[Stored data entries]
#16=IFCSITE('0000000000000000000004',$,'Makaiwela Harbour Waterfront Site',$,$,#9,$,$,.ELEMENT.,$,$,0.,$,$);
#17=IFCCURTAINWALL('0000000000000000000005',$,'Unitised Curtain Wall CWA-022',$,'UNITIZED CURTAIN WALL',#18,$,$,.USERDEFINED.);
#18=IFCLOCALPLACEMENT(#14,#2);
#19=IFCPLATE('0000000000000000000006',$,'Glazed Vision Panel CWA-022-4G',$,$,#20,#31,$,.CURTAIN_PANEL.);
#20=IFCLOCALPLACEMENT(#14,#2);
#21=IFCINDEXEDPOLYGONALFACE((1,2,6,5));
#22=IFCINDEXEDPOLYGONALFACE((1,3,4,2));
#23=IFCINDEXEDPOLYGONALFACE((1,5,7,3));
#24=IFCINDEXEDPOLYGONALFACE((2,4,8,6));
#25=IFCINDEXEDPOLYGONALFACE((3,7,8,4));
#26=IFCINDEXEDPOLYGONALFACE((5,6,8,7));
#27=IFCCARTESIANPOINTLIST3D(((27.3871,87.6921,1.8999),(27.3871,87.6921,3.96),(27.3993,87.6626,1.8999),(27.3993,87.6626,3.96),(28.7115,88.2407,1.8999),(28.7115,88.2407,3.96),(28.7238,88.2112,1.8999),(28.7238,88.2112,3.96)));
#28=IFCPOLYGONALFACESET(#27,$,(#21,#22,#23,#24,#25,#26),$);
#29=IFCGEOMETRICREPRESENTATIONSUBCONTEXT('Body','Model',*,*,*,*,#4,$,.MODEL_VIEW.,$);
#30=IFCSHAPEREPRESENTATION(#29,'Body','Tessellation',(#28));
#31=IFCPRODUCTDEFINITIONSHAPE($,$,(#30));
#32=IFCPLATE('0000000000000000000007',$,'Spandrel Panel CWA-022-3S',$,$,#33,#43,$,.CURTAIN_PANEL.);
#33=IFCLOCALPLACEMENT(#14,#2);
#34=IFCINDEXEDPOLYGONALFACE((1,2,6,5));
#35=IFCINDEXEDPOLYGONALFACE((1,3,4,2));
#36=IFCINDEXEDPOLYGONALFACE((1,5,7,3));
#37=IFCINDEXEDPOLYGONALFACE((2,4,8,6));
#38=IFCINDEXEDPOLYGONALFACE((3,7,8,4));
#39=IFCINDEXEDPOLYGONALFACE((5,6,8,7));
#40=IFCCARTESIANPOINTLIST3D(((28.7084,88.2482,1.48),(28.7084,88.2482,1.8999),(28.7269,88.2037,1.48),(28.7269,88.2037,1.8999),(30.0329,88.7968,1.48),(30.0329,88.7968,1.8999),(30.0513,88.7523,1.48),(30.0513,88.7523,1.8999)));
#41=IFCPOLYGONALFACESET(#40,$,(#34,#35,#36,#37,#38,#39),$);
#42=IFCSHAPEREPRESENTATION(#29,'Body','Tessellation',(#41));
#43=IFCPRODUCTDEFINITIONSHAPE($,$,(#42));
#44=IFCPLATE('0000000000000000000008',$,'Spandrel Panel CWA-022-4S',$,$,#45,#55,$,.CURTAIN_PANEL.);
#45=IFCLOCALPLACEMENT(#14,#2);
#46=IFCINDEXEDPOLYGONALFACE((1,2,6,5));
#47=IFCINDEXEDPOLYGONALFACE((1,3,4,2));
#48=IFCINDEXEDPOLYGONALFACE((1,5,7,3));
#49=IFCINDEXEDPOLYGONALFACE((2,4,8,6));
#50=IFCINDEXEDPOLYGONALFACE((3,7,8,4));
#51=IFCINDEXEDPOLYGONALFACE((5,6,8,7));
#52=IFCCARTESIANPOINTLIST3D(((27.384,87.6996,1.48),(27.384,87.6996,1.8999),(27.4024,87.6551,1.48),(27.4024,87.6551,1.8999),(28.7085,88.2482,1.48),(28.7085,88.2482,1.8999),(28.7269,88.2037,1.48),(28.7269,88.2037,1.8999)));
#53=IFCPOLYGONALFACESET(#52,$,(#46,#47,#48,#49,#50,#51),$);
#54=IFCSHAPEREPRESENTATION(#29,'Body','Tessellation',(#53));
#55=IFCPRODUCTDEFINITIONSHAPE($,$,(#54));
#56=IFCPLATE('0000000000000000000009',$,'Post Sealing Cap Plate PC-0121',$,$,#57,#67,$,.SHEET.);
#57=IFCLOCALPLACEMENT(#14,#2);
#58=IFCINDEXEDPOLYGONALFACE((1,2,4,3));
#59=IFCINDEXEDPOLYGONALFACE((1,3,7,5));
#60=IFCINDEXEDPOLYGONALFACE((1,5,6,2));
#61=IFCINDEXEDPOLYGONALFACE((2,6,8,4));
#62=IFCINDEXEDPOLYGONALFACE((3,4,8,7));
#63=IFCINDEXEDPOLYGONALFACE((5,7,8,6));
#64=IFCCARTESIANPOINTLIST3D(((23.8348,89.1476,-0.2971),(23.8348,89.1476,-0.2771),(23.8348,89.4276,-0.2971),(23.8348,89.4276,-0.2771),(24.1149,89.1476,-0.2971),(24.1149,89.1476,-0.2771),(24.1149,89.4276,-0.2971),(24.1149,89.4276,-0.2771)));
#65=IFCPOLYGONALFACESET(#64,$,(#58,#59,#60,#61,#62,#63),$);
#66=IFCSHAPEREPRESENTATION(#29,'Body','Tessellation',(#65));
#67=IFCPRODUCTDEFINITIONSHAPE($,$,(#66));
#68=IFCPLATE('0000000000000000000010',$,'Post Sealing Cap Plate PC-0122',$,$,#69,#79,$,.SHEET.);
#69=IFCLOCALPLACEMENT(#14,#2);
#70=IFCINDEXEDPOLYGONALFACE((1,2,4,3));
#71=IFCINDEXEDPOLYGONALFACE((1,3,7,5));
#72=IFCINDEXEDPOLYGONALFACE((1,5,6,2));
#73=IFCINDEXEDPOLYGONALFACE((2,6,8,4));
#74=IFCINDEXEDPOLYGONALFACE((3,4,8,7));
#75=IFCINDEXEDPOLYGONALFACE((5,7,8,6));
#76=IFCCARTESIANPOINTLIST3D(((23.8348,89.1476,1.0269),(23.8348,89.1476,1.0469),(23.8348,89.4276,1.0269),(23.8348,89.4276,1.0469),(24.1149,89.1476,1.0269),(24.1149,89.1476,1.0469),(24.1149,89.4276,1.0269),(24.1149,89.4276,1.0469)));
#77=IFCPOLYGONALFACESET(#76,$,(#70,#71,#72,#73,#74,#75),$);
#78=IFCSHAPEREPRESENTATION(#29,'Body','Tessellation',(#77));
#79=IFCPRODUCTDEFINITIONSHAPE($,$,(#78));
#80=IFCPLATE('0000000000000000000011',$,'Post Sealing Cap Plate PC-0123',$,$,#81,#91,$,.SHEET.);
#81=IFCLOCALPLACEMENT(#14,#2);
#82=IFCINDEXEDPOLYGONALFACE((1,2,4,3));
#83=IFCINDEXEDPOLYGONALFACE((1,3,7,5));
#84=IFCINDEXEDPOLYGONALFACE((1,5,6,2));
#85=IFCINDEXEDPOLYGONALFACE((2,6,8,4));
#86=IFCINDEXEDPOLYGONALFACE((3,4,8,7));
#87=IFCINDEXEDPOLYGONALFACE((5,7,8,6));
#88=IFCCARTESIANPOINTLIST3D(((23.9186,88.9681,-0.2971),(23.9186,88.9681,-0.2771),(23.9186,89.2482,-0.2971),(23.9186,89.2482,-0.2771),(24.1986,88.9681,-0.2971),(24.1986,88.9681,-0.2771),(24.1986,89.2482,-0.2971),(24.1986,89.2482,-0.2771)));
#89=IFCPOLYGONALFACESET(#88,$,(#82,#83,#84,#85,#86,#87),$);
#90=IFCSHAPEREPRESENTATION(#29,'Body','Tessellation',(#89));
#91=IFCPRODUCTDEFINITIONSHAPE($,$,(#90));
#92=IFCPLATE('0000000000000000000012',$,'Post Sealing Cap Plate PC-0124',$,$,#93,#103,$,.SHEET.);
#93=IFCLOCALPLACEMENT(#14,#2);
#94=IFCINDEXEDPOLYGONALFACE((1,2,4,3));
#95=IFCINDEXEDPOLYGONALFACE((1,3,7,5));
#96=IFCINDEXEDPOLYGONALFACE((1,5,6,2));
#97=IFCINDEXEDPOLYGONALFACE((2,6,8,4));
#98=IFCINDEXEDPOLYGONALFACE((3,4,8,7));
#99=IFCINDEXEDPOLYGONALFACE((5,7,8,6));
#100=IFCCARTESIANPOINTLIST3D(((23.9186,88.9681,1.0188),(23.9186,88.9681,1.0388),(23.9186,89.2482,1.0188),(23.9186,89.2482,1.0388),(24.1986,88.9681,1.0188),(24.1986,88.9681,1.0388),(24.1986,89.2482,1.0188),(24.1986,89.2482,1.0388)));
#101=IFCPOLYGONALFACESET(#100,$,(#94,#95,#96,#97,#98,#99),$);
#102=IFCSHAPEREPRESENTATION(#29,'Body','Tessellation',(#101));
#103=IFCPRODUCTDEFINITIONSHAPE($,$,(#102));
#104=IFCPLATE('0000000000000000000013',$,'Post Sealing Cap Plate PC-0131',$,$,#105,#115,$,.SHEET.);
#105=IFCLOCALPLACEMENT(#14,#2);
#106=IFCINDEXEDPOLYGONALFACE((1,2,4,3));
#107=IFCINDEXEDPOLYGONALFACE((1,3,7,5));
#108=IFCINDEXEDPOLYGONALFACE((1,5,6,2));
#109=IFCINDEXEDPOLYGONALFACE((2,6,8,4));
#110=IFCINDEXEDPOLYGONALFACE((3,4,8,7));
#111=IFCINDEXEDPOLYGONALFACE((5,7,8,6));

* * *

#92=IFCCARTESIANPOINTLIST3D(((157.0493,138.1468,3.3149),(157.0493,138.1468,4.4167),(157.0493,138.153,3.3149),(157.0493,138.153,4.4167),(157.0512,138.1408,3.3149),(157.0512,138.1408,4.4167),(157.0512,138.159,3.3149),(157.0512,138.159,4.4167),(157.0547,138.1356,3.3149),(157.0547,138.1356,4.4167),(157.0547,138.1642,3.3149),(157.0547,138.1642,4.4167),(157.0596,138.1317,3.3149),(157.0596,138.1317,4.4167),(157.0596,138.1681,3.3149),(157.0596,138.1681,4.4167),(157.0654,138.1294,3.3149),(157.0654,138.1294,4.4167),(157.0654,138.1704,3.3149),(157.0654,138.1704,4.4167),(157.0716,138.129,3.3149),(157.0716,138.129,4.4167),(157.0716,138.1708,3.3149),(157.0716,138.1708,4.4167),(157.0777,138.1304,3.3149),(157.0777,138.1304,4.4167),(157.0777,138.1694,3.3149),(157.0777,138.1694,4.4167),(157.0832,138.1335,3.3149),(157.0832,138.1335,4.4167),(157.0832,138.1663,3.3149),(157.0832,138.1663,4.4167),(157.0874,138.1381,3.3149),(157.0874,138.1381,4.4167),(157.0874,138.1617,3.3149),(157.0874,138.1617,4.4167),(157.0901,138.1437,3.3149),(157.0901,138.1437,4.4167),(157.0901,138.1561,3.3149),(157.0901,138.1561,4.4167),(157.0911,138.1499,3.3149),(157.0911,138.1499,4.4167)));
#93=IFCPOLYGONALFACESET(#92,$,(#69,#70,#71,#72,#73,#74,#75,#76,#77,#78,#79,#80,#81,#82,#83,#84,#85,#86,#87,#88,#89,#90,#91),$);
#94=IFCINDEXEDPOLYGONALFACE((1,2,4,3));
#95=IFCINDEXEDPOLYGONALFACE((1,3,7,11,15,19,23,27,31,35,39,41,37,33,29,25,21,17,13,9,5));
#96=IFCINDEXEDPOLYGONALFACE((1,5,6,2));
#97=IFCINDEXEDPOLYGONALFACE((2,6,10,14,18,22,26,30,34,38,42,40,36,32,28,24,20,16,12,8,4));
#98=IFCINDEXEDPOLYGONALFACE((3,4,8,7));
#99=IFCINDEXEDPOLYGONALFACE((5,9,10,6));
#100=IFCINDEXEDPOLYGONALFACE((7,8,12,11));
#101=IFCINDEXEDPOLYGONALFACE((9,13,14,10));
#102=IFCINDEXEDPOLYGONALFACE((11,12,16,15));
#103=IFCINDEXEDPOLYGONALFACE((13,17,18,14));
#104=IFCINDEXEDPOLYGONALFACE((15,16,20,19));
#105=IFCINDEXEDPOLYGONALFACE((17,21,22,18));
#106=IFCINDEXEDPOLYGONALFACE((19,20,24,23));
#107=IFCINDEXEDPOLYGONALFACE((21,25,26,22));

## [Exercise requirements]
Scan the data above and copy each line containing the word "IFCLOCALPLACEMENT".

## [Result for this exercise]
#18=IFCLOCALPLACEMENT(#14,#2);
#20=IFCLOCALPLACEMENT(#14,#2);
#33=IFCLOCALPLACEMENT(#14,#2);
#45=IFCLOCALPLACEMENT(#14,#2);
#57=IFCLOCALPLACEMENT(#14,#2);
#69=IFCLOCALPLACEMENT(#14,#2);
#81=IFCLOCALPLACEMENT(#14,#2);
#93=IFCLOCALPLACEMENT(#14,#2);
#105=IFCLOCALPLACEMENT(#14,#2);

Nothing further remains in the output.